[[ ENTRIES SHOWN, beginning ]]

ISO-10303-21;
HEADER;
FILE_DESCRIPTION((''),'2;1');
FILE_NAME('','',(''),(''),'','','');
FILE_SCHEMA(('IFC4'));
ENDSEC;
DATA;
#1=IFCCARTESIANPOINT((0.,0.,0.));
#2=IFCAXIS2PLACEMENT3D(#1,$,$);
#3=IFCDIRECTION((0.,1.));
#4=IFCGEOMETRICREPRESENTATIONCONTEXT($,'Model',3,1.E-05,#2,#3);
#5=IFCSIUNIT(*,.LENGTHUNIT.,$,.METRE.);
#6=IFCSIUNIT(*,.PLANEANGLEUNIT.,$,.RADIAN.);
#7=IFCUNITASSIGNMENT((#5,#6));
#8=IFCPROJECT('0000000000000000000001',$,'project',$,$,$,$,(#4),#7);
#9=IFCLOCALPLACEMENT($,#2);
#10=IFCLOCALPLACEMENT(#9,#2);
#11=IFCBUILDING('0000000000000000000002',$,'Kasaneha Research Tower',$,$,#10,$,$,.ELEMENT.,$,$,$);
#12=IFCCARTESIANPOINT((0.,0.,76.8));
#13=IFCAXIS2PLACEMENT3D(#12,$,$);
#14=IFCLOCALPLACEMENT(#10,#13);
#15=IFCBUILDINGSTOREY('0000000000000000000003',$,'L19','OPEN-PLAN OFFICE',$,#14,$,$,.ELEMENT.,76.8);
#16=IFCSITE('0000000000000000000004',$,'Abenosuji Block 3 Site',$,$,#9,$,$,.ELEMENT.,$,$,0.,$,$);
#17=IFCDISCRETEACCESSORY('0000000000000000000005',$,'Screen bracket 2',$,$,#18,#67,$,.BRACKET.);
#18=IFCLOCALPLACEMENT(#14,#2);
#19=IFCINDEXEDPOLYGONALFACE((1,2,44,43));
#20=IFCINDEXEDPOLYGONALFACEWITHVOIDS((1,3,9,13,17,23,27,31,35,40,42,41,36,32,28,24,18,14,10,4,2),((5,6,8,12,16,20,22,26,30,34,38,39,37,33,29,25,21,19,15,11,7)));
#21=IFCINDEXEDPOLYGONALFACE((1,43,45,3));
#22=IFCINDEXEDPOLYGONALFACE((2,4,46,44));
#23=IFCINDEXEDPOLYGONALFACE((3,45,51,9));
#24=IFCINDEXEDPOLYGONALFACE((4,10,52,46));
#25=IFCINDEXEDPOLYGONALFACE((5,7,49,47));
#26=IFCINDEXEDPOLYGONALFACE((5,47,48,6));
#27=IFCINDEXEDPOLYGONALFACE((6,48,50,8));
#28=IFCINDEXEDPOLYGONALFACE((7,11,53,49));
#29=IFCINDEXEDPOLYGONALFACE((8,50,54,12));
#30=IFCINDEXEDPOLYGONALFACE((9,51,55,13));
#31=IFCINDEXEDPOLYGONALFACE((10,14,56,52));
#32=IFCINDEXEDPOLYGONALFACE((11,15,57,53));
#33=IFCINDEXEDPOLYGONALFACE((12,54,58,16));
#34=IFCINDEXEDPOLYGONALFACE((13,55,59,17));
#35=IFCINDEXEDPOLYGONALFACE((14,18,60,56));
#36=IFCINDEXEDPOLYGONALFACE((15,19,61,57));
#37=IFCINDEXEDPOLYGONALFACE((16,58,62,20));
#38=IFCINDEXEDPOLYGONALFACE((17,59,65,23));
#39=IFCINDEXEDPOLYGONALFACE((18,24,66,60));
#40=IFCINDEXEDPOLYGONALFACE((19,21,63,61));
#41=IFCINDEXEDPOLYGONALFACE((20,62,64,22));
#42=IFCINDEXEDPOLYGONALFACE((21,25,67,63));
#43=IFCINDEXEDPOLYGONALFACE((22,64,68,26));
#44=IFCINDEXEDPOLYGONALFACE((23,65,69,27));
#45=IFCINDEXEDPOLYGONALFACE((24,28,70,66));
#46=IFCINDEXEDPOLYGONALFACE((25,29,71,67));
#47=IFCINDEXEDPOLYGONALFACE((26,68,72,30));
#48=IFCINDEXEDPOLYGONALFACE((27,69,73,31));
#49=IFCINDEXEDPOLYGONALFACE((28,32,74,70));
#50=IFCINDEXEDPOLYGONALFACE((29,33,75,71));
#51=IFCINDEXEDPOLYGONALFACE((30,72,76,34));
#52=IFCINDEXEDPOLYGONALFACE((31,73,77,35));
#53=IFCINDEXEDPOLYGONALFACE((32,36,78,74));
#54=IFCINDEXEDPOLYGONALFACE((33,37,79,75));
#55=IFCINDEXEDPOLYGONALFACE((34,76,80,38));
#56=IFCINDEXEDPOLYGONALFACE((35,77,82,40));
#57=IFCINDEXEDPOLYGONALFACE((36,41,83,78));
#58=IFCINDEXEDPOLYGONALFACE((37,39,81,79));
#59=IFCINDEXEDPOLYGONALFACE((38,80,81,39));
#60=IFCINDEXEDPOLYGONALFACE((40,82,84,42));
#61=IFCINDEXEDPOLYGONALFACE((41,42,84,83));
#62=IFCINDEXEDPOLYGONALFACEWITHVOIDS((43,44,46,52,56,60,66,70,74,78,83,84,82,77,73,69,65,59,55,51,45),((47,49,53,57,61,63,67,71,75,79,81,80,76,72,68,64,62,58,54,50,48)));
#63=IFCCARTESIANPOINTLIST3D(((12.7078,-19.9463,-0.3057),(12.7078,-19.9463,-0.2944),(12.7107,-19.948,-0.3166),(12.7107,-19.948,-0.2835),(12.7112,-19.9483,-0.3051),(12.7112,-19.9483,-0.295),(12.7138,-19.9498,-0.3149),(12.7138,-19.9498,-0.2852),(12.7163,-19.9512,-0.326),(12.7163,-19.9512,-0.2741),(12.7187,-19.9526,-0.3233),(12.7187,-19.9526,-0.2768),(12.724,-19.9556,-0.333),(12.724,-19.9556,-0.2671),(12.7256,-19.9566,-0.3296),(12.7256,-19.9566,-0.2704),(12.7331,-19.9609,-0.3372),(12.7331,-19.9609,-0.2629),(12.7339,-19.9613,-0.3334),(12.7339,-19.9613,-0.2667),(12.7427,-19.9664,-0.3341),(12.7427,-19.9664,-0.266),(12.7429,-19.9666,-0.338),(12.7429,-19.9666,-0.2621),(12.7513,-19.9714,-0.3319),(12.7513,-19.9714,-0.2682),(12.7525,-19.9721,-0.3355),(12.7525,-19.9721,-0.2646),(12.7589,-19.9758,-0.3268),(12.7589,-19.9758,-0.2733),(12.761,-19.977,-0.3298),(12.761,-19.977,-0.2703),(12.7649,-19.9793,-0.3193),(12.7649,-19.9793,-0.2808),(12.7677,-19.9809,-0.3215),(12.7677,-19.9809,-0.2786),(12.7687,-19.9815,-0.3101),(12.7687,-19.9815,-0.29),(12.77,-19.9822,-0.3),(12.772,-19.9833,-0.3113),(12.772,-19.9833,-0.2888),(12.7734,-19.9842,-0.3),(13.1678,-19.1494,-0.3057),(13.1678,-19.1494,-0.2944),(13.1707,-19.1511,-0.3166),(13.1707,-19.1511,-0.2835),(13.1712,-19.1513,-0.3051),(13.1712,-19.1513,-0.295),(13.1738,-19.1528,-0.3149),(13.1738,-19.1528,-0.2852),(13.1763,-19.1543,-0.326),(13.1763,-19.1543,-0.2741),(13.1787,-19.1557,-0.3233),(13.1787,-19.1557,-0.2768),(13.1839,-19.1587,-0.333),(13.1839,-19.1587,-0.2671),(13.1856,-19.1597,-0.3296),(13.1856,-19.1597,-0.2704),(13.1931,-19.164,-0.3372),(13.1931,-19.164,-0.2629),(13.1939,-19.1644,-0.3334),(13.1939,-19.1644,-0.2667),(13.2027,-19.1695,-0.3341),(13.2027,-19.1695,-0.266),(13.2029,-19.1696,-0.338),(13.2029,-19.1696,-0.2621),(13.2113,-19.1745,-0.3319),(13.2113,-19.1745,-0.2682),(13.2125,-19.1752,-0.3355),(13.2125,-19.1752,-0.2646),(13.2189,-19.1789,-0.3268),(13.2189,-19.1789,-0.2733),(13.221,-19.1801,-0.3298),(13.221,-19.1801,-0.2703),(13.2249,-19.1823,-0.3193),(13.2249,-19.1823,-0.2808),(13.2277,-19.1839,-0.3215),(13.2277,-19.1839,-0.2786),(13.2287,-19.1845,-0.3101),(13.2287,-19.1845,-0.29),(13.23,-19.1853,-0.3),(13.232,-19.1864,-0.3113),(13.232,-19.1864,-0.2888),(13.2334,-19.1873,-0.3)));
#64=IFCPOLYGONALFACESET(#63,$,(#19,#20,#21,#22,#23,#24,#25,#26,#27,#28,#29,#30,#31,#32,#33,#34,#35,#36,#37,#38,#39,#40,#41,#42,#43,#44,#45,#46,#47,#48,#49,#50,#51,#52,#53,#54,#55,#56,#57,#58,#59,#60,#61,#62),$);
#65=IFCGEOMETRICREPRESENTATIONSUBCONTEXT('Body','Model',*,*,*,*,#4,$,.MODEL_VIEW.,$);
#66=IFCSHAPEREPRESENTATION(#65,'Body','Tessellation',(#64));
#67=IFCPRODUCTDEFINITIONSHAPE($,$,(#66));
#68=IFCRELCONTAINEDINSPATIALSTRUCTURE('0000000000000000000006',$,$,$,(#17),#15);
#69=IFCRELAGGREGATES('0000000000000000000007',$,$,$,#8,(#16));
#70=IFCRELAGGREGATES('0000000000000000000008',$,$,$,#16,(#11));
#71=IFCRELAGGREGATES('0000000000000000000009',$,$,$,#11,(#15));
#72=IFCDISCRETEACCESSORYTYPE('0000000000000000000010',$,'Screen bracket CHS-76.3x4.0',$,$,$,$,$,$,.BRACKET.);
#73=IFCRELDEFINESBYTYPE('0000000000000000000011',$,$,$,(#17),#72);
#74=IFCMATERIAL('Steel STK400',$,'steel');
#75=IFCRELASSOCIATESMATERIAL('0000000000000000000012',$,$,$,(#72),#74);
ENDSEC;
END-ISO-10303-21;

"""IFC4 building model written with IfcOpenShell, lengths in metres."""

from ifc_helpers import new_model, si_unit, direction, frame, origin, origin_2d, place, context, subcontext, project, spatial, hollow_circle, extrude, material, material_profile, profile_set, type_object, element, save


model = new_model("IFC4")

# Units and contexts
model_context = context("Model", 3, precision=1e-05, world=origin(), true_north=direction((0.0, 1.0)))
body_context = subcontext(model_context, "Body", "Model", "MODEL_VIEW")
ifc_project = project(units=[si_unit("LENGTHUNIT", "METRE"), si_unit("PLANEANGLEUNIT", "RADIAN")], contexts=[model_context])

# Site, building, storey
site_placement = place(None, origin())
site = spatial("IfcSite", under=ifc_project, at=site_placement, Name="Abenosuji Block 3 Site", CompositionType="ELEMENT", RefElevation=0.0)
building_placement = place(site_placement, origin())
building = spatial("IfcBuilding", under=site, at=building_placement, Name="Kasaneha Research Tower", CompositionType="ELEMENT")
storey_placement = place(building_placement, frame((0.0, 0.0, 76.8)))
storey = spatial("IfcBuildingStorey", under=building, at=storey_placement, Name="L19", Description="OPEN-PLAN OFFICE", CompositionType="ELEMENT", Elevation=76.8)

# Discrete accessory
ifc_material_1 = material(Name="Steel STK400", Category="steel")
ifc_material_profile_1 = material_profile(ifc_material_1, hollow_circle(Radius=0.0381, WallThickness=0.0039, at=origin_2d()), Name="CHS-76.3x4.0")
ifc_profile_set_1 = profile_set([ifc_material_profile_1], Name="Steel STK400")
discrete_accessory_type = type_object("IfcDiscreteAccessoryType", Name="Screen bracket CHS-76.3x4.0", PredefinedType="BRACKET", material=ifc_profile_set_1)
discrete_accessory_placement = place(storey_placement, frame((13.2004, -19.1682, -0.3), z_axis=(-0.499906, -0.86608, 0.0), x_axis=(0.86608, -0.499906, 0.0)))
element("IfcDiscreteAccessory", 1, at=discrete_accessory_placement, inside=storey, type_object=discrete_accessory_type, Name="Screen bracket 2", PredefinedType="BRACKET", context=body_context, shape_type="SweptSolid", body=[
    extrude(hollow_circle(Radius=0.0381, WallThickness=0.0039, at=origin_2d()), origin(), (0.0, 0.0, 1.0), 0.9202),
])

save(model, "model.ifc")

[[ ENTRIES SHOWN, end ]]

▶ [PROMPT]
Copy word for word the stretch of entries above from the line that has "#49=IFCINDEXEDPOLYGONALFACE((28,32,74,70));" through the line that has "#59=IFCINDEXEDPOLYGONALFACE((38,80,81,39));", both ends included, and nothing outside it.

▶ [SOLUTION FOR THIS TASK]
#49=IFCINDEXEDPOLYGONALFACE((28,32,74,70));
#50=IFCINDEXEDPOLYGONALFACE((29,33,75,71));
#51=IFCINDEXEDPOLYGONALFACE((30,72,76,34));
#52=IFCINDEXEDPOLYGONALFACE((31,73,77,35));
#53=IFCINDEXEDPOLYGONALFACE((32,36,78,74));
#54=IFCINDEXEDPOLYGONALFACE((33,37,79,75));
#55=IFCINDEXEDPOLYGONALFACE((34,76,80,38));
#56=IFCINDEXEDPOLYGONALFACE((35,77,82,40));
#57=IFCINDEXEDPOLYGONALFACE((36,41,83,78));
#58=IFCINDEXEDPOLYGONALFACE((37,39,81,79));
#59=IFCINDEXEDPOLYGONALFACE((38,80,81,39));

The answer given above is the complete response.